▶ **Entries provided**
═══

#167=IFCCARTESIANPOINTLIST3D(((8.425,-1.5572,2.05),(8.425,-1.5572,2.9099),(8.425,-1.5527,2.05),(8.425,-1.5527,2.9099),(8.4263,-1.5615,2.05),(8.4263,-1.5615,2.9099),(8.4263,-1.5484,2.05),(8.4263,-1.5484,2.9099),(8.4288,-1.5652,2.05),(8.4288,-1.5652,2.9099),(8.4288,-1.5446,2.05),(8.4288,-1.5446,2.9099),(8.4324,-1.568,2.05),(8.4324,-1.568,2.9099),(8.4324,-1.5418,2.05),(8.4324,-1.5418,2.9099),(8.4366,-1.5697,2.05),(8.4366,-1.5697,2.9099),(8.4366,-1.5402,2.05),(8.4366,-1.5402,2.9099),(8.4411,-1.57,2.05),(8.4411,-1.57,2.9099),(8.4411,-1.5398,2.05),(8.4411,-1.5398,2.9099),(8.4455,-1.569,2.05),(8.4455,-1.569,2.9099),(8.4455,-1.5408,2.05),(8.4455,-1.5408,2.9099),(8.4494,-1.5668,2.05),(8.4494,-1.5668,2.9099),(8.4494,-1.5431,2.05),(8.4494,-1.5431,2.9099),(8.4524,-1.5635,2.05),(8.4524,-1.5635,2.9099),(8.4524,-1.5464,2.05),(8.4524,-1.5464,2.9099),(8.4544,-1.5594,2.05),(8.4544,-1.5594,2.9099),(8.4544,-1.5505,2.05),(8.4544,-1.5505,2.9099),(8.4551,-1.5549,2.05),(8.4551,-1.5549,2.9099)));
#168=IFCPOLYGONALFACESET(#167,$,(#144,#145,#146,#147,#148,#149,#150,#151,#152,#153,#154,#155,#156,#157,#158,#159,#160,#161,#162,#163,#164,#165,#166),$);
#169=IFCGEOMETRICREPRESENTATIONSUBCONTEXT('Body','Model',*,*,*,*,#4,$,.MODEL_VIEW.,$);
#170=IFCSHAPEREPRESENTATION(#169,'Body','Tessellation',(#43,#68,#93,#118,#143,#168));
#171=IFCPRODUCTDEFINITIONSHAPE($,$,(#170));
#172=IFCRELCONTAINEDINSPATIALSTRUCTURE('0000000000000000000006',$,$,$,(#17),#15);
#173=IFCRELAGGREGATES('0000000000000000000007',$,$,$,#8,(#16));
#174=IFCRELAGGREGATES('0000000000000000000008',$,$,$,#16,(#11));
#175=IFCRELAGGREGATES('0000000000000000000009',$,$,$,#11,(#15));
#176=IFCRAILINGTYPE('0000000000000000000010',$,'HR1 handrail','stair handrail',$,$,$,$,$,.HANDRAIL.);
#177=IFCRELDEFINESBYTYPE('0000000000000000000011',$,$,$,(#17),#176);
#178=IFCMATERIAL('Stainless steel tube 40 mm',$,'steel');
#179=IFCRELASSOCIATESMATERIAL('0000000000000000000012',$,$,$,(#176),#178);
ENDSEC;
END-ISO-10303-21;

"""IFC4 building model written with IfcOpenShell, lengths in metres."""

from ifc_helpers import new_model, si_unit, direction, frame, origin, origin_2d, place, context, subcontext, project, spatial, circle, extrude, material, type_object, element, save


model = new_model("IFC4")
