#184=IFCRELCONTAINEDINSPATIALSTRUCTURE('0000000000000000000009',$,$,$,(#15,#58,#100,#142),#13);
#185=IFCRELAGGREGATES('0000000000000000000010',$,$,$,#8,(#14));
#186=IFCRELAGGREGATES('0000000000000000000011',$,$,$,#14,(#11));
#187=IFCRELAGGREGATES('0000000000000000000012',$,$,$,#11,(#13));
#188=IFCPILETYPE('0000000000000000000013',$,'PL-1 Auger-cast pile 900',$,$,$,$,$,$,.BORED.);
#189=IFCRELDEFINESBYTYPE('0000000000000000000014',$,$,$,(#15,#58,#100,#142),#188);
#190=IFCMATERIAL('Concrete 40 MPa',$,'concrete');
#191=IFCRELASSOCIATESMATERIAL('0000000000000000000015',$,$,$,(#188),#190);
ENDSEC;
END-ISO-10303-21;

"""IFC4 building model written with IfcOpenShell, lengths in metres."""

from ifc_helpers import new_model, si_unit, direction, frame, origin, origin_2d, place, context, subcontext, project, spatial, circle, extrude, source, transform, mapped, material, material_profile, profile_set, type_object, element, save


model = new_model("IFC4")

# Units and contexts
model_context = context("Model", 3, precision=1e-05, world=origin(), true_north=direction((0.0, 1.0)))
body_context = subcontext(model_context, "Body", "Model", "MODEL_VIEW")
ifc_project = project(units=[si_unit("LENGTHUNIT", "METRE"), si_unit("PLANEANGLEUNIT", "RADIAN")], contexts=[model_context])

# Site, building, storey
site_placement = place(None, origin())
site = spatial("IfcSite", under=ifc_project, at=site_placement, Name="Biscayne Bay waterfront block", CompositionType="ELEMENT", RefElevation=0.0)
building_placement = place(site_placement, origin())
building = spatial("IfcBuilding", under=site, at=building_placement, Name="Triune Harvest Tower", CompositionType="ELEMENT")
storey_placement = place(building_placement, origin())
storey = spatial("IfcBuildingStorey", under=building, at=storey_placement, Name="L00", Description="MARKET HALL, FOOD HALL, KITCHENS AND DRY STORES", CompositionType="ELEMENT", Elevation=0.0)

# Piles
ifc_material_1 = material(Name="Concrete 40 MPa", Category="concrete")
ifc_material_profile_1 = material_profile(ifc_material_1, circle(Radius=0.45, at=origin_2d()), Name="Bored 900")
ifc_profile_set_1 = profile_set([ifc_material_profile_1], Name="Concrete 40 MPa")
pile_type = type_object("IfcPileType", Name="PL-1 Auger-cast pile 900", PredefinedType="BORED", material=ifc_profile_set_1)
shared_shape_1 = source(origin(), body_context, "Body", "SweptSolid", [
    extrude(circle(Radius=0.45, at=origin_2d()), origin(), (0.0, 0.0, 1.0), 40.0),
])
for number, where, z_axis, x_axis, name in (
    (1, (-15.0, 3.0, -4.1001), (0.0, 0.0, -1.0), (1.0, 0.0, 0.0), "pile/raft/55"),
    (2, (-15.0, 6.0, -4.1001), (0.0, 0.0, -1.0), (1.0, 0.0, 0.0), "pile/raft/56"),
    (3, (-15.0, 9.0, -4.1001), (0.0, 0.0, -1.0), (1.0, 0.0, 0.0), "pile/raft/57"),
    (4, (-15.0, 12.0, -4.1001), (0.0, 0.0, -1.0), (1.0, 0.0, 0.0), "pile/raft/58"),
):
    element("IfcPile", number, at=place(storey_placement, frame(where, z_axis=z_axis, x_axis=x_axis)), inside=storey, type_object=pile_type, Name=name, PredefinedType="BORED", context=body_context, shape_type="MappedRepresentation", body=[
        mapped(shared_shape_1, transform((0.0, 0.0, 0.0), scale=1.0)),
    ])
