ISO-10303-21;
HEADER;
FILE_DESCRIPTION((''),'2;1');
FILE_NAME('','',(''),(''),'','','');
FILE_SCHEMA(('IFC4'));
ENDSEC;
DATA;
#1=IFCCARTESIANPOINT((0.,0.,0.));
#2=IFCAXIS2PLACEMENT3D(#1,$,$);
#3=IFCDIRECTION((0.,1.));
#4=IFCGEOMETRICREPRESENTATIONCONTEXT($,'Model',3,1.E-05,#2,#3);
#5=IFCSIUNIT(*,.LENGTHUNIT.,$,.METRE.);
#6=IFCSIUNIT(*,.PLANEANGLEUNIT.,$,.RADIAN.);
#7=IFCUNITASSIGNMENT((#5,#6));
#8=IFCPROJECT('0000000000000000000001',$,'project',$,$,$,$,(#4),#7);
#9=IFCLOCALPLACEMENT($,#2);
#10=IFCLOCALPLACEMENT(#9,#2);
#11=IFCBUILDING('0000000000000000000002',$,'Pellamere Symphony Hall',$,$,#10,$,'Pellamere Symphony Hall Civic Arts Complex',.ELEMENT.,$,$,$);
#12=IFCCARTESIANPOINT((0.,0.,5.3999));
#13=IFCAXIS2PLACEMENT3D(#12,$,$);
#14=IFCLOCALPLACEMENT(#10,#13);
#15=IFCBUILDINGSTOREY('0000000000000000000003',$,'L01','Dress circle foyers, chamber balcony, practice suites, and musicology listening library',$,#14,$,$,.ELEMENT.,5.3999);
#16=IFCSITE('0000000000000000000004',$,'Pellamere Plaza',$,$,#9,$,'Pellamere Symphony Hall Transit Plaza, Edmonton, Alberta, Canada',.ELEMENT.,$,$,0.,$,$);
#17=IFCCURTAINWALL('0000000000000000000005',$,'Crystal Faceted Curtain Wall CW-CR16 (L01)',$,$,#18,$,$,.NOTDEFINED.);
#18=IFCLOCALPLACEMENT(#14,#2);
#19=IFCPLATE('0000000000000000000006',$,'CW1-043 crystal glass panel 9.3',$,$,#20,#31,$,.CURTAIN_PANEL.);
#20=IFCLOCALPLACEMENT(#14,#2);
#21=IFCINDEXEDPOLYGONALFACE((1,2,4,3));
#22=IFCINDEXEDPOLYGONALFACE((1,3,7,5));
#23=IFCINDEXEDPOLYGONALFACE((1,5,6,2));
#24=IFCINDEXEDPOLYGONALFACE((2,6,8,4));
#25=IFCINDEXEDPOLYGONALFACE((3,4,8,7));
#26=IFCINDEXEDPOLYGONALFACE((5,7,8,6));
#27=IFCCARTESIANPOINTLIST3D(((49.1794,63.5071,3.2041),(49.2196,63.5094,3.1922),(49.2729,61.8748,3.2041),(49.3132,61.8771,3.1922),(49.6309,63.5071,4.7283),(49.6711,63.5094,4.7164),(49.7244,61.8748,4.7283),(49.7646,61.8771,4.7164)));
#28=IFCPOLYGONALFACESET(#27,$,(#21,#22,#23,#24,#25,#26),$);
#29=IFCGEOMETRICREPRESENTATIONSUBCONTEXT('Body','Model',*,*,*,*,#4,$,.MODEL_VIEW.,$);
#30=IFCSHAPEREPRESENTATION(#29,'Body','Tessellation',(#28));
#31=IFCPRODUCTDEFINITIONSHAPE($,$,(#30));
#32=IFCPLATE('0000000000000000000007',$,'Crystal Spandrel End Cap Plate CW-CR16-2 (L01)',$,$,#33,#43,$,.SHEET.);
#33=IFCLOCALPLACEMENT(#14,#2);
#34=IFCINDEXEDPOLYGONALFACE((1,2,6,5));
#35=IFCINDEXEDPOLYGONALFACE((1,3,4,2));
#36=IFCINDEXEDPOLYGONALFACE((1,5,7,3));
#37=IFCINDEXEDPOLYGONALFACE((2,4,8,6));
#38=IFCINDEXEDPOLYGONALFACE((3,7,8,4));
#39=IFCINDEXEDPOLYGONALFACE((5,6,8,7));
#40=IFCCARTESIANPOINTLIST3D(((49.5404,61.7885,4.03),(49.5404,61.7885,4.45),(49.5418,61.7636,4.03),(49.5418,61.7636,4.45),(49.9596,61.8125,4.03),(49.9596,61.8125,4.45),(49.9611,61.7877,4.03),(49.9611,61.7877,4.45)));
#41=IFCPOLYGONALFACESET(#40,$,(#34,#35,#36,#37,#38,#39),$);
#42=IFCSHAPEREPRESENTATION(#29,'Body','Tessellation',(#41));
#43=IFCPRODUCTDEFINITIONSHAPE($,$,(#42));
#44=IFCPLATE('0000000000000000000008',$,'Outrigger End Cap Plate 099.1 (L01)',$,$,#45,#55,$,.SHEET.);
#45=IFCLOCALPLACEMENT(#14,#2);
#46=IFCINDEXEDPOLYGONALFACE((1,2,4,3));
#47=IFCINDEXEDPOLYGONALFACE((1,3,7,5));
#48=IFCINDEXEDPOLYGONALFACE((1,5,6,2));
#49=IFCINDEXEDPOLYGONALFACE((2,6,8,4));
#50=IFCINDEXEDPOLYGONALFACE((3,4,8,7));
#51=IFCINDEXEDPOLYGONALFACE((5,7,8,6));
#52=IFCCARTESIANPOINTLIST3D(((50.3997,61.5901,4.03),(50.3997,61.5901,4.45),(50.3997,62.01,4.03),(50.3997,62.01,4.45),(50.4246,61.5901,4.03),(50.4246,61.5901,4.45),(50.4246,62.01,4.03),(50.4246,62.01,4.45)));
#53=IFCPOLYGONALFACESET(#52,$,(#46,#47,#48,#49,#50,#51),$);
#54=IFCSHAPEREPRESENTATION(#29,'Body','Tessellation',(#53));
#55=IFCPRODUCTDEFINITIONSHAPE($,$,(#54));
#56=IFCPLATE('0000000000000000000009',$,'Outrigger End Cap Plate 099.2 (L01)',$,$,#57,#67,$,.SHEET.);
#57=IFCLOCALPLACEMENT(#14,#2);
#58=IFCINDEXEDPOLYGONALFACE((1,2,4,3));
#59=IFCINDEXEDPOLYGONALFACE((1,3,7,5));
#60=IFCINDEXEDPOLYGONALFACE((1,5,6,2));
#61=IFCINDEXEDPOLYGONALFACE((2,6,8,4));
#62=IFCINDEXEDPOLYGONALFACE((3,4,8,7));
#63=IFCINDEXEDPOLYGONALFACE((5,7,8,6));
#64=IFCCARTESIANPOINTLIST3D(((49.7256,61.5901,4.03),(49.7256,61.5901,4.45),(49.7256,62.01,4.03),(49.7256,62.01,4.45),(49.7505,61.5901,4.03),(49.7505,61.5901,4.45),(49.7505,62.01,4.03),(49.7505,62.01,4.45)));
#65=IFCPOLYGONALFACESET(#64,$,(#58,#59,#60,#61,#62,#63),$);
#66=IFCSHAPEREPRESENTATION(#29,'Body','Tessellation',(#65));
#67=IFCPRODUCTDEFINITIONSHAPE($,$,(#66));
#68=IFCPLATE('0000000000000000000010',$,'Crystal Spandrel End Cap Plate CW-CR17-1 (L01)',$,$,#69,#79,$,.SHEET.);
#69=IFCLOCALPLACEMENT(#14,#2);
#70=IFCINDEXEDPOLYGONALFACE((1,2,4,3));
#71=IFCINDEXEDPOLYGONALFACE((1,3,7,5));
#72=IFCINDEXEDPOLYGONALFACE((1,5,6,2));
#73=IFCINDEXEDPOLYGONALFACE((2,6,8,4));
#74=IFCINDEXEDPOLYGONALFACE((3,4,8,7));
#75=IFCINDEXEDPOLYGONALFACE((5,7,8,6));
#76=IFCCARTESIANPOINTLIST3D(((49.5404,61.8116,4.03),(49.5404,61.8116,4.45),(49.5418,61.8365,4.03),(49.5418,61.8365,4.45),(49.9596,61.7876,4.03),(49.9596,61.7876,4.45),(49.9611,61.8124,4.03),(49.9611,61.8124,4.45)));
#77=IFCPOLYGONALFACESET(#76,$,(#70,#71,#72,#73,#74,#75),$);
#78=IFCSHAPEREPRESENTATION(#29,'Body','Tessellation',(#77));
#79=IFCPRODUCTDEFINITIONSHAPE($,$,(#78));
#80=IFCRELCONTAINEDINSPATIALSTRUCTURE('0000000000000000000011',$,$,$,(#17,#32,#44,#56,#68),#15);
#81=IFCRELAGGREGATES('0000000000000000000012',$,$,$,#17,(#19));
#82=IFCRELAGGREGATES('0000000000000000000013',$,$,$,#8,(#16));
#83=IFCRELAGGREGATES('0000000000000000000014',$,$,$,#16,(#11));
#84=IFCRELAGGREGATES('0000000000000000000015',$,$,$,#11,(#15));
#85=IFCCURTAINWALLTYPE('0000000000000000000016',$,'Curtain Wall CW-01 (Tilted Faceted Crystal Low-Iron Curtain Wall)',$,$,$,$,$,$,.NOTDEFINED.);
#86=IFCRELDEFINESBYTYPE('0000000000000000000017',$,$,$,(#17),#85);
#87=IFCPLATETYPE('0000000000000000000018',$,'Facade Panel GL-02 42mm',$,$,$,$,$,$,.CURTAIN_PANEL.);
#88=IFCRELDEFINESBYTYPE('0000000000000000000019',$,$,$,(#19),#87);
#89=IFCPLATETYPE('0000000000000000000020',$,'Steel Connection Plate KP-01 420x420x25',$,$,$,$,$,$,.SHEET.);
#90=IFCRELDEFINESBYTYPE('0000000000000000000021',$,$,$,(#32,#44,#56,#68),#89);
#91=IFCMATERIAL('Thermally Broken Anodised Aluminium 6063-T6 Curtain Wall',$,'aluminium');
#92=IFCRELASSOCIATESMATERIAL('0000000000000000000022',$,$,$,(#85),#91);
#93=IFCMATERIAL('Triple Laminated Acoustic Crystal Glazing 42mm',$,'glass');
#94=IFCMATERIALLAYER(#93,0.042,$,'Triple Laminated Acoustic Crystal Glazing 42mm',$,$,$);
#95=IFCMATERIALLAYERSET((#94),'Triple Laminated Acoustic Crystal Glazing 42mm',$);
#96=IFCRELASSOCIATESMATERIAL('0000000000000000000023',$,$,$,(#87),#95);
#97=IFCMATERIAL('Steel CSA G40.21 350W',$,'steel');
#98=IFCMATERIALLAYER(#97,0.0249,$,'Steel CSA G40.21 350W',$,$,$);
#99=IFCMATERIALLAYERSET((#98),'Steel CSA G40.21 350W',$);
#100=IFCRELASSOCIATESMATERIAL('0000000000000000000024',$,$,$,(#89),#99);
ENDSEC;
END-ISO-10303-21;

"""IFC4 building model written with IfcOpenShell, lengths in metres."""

from ifc_helpers import new_model, si_unit, direction, frame, origin, origin_2d, place, context, subcontext, project, spatial, polyline, rectangle, outline, extrude, material, layer, layer_set, type_object, element, aggregate, save


model = new_model("IFC4")

# Units and contexts
model_context = context("Model", 3, precision=1e-05, world=origin(), true_north=direction((0.0, 1.0)))
body_context = subcontext(model_context, "Body", "Model", "MODEL_VIEW")
ifc_project = project(units=[si_unit("LENGTHUNIT", "METRE"), si_unit("PLANEANGLEUNIT", "RADIAN")], contexts=[model_context])

# Site, building, storey
site_placement = place(None, origin())
site = spatial("IfcSite", under=ifc_project, at=site_placement, Name="Pellamere Plaza", LongName="Pellamere Symphony Hall Transit Plaza, Edmonton, Alberta, Canada", CompositionType="ELEMENT", RefElevation=0.0)
building_placement = place(site_placement, origin())
building = spatial("IfcBuilding", under=site, at=building_placement, Name="Pellamere Symphony Hall", LongName="Pellamere Symphony Hall Civic Arts Complex", CompositionType="ELEMENT")
storey_placement = place(building_placement, frame((0.0, 0.0, 5.3999)))
storey = spatial("IfcBuildingStorey", under=building, at=storey_placement, Name="L01", Description="Dress circle foyers, chamber balcony, practice suites, and musicology listening library", CompositionType="ELEMENT", Elevation=5.3999)

# Curtain wall
ifc_material_1 = material(Name="Thermally Broken Anodised Aluminium 6063-T6 Curtain Wall", Category="aluminium")
curtain_wall_type = type_object("IfcCurtainWallType", Name="Curtain Wall CW-01 (Tilted Faceted Crystal Low-Iron Curtain Wall)", PredefinedType="NOTDEFINED", material=ifc_material_1)
curtain_wall_1_placement = place(storey_placement, origin())
curtain_wall_1 = element("IfcCurtainWall", 1, at=curtain_wall_1_placement, inside=storey, type_object=curtain_wall_type, Name="Crystal Faceted Curtain Wall CW-CR16 (L01)", PredefinedType="NOTDEFINED")

# Shared definitions
ifc_material_2 = material(Name="Steel CSA G40.21 350W", Category="steel")

# Plate
ifc_material_3 = material(Name="Triple Laminated Acoustic Crystal Glazing 42mm", Category="glass")
ifc_layer_1 = layer(ifc_material_3, 0.042, Name="Triple Laminated Acoustic Crystal Glazing 42mm")
ifc_layer_set_1 = layer_set([ifc_layer_1], Name="Triple Laminated Acoustic Crystal Glazing 42mm")
plate_type_1 = type_object("IfcPlateType", Name="Facade Panel GL-02 42mm", PredefinedType="CURTAIN_PANEL", material=ifc_layer_set_1)
plate_1_placement = place(storey_placement, frame((49.1794, 63.5071, 3.2041), z_axis=(-0.957388, -0.054843, 0.283551), x_axis=(0.05719, -0.998363, 0.0)))
plate_1 = element("IfcPlate", 2, at=plate_1_placement, type_object=plate_type_1, Name="CW1-043 crystal glass panel 9.3", PredefinedType="CURTAIN_PANEL", context=body_context, shape_type="SweptSolid", body=[
    extrude(outline(polyline([(0.0, 0.0), (1.635, 0.0), (1.6608, 1.5894), (0.0258, 1.5894), (0.0, 0.0)])), origin(), (0.0, 0.0, -1.0), 0.042),
])
aggregate(curtain_wall_1, [plate_1])

# Plates
ifc_layer_2 = layer(ifc_material_2, 0.0249, Name="Steel CSA G40.21 350W")
ifc_layer_set_2 = layer_set([ifc_layer_2], Name="Steel CSA G40.21 350W")
plate_type_2 = type_object("IfcPlateType", Name="Steel Connection Plate KP-01 420x420x25", PredefinedType="SHEET", material=ifc_layer_set_2)
for number, where, z_axis, x_axis, name in (
    (3, (49.7507, 61.7881, 4.03), (0.0, 0.0, 1.0), (0.057216, -0.998362, 0.0), "Crystal Spandrel End Cap Plate CW-CR16-2 (L01)"),
    (4, (50.4121, 61.8, 4.03), (0.0, 0.0, 1.0), (-1.0, 0.0, 0.0), "Outrigger End Cap Plate 099.1 (L01)"),
    (5, (49.738, 61.8, 4.03), (0.0, 0.0, 1.0), (-1.0, 0.0, 0.0), "Outrigger End Cap Plate 099.2 (L01)"),
    (6, (49.7507, 61.812, 4.03), (0.0, 0.0, 1.0), (-0.057216, -0.998362, 0.0), "Crystal Spandrel End Cap Plate CW-CR17-1 (L01)"),
):
    element("IfcPlate", number, at=place(storey_placement, frame(where, z_axis=z_axis, x_axis=x_axis)), inside=storey, type_object=plate_type_2, Name=name, PredefinedType="SHEET", context=body_context, shape_type="SweptSolid", body=[
        extrude(rectangle(XDim=0.0249, YDim=0.4199, at=origin_2d()), origin(), (0.0, 0.0, 1.0), 0.4199),
    ])

save(model, "model.ifc")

═══

▶ **Exercise description**
Find and copy each line in the material above where the string "IFCRELASSOCIATESMATERIAL" occurs.

▶ **Answer for this exercise**
#179=IFCRELASSOCIATESMATERIAL('0000000000000000000012',$,$,$,(#176),#178);
#191=IFCRELASSOCIATESMATERIAL('0000000000000000000015',$,$,$,(#188),#190);
#92=IFCRELASSOCIATESMATERIAL('0000000000000000000022',$,$,$,(#85),#91);
#96=IFCRELASSOCIATESMATERIAL('0000000000000000000023',$,$,$,(#87),#95);
#100=IFCRELASSOCIATESMATERIAL('0000000000000000000024',$,$,$,(#89),#99);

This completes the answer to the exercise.